* _Data records_:
──────

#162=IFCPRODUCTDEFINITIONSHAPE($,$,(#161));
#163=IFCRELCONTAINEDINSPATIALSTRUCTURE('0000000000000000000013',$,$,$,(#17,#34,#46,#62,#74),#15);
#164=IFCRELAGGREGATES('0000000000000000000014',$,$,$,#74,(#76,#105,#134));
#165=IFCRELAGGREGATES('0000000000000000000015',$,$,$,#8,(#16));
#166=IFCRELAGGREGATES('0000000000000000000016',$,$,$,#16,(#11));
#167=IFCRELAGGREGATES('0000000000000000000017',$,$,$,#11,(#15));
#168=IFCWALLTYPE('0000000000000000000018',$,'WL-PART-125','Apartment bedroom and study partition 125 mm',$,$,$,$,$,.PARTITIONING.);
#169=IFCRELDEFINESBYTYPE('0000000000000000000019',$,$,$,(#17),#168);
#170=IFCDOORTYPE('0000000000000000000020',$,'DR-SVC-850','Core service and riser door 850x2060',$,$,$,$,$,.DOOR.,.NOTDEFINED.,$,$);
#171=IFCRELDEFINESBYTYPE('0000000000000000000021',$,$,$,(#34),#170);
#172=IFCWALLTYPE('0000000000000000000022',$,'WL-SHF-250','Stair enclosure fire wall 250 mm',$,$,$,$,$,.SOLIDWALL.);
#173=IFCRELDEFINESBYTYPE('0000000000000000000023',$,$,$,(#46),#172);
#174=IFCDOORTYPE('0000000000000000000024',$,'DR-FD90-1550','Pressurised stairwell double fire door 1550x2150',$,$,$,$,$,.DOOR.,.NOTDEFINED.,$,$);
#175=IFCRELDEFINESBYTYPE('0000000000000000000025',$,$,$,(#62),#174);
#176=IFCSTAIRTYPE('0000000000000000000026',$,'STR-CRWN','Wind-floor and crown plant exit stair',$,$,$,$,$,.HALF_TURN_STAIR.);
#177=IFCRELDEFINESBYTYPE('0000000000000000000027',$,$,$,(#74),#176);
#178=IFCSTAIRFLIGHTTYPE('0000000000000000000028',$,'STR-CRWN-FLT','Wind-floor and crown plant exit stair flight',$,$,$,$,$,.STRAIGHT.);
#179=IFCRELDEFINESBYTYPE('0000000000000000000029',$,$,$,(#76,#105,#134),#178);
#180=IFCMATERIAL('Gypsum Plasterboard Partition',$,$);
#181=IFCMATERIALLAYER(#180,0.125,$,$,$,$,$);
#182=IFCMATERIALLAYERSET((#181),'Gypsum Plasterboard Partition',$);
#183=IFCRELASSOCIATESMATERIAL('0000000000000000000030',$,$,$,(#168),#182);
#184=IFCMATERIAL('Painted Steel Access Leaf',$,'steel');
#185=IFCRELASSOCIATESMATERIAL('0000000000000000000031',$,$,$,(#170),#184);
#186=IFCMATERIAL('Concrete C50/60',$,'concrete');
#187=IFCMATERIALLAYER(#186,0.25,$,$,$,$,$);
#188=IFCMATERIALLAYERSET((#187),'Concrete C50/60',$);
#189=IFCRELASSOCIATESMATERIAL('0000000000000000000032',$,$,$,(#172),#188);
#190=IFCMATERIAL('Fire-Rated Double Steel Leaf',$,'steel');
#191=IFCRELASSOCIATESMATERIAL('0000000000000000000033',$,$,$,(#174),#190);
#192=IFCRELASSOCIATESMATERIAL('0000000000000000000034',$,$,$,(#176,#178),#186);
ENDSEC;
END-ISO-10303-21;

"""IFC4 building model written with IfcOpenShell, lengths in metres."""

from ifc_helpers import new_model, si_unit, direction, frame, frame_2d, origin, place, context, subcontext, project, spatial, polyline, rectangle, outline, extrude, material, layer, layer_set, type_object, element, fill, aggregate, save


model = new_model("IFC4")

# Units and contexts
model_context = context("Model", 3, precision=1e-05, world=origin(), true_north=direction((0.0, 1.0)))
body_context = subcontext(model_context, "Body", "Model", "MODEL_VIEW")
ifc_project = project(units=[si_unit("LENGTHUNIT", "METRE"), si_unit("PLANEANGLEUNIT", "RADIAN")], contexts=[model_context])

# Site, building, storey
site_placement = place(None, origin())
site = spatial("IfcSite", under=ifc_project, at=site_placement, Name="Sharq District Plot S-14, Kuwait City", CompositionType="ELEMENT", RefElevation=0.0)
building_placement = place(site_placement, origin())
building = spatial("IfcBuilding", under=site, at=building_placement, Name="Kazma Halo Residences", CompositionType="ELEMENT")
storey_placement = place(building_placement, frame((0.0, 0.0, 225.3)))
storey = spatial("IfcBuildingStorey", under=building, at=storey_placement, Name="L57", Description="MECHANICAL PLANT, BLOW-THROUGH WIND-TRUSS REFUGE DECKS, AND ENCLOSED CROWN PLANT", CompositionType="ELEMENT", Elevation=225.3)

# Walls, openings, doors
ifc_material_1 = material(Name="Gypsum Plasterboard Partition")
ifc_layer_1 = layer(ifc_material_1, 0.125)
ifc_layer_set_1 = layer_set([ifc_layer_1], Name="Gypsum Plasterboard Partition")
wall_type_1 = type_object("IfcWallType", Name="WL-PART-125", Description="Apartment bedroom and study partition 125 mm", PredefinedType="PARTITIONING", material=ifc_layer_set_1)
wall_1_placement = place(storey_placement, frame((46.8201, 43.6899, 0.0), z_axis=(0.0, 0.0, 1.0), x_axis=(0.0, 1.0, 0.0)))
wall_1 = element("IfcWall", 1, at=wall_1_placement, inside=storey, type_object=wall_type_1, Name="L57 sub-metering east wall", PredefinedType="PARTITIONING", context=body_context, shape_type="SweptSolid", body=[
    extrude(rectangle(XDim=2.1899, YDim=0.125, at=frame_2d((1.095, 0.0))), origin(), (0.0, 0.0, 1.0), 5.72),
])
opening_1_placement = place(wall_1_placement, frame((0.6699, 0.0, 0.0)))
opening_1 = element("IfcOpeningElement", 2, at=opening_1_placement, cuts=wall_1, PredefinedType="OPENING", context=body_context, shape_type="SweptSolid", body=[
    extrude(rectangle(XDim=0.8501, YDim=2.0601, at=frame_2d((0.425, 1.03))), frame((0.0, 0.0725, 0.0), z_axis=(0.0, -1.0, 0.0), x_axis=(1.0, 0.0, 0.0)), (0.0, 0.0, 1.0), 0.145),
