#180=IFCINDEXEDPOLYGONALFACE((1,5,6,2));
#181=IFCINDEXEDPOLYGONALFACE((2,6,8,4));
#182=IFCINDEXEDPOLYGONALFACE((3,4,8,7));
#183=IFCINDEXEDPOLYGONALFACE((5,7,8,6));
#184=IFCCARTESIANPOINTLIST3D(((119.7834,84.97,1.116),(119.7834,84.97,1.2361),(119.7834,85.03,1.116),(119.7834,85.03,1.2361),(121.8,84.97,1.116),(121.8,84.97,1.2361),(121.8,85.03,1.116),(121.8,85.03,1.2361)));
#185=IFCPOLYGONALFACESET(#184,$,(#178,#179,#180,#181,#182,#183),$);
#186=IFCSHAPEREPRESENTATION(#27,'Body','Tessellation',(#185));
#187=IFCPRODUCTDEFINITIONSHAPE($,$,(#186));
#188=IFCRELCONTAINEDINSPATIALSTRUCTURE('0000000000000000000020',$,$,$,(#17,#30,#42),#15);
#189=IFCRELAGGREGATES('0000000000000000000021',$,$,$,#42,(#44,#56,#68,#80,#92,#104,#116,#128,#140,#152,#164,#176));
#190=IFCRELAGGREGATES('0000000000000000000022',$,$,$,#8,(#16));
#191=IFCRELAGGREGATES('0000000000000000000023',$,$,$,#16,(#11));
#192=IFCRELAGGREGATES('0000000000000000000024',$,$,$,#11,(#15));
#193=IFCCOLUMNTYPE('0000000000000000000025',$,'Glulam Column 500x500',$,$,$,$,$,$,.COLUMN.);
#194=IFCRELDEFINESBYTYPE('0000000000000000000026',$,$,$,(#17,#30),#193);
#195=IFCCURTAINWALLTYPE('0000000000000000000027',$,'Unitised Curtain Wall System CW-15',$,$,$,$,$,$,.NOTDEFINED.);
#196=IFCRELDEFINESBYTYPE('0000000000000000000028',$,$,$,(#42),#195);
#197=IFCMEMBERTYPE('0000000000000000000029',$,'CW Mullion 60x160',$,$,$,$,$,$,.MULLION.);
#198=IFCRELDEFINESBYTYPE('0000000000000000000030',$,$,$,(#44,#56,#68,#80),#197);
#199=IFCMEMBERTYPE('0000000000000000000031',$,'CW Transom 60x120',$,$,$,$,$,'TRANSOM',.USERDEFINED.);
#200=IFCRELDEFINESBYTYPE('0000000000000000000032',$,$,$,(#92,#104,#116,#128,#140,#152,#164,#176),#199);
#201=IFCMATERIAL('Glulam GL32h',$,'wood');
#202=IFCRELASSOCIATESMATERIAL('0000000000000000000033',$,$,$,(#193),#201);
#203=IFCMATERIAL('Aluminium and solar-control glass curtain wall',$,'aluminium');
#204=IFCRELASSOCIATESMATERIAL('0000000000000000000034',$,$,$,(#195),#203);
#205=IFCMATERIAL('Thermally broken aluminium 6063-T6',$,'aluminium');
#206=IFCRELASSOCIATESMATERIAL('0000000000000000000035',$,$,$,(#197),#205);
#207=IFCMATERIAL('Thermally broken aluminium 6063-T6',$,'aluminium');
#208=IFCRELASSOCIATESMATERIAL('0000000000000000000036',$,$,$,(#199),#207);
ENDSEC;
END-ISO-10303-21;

──────

* _Activity_: Of all the entries above, output exactly the lines between the one holding "from ifc_helpers import" and the one holding "# Units and contexts", inclusive.

* _Written solution_:
from ifc_helpers import new_model, si_unit, direction, frame, frame_2d, origin, place, context, subcontext, project, spatial, polyline, rectangle, outline, extrude, material, layer, layer_set, type_object, element, fill, aggregate, save


model = new_model("IFC4")

# Units and contexts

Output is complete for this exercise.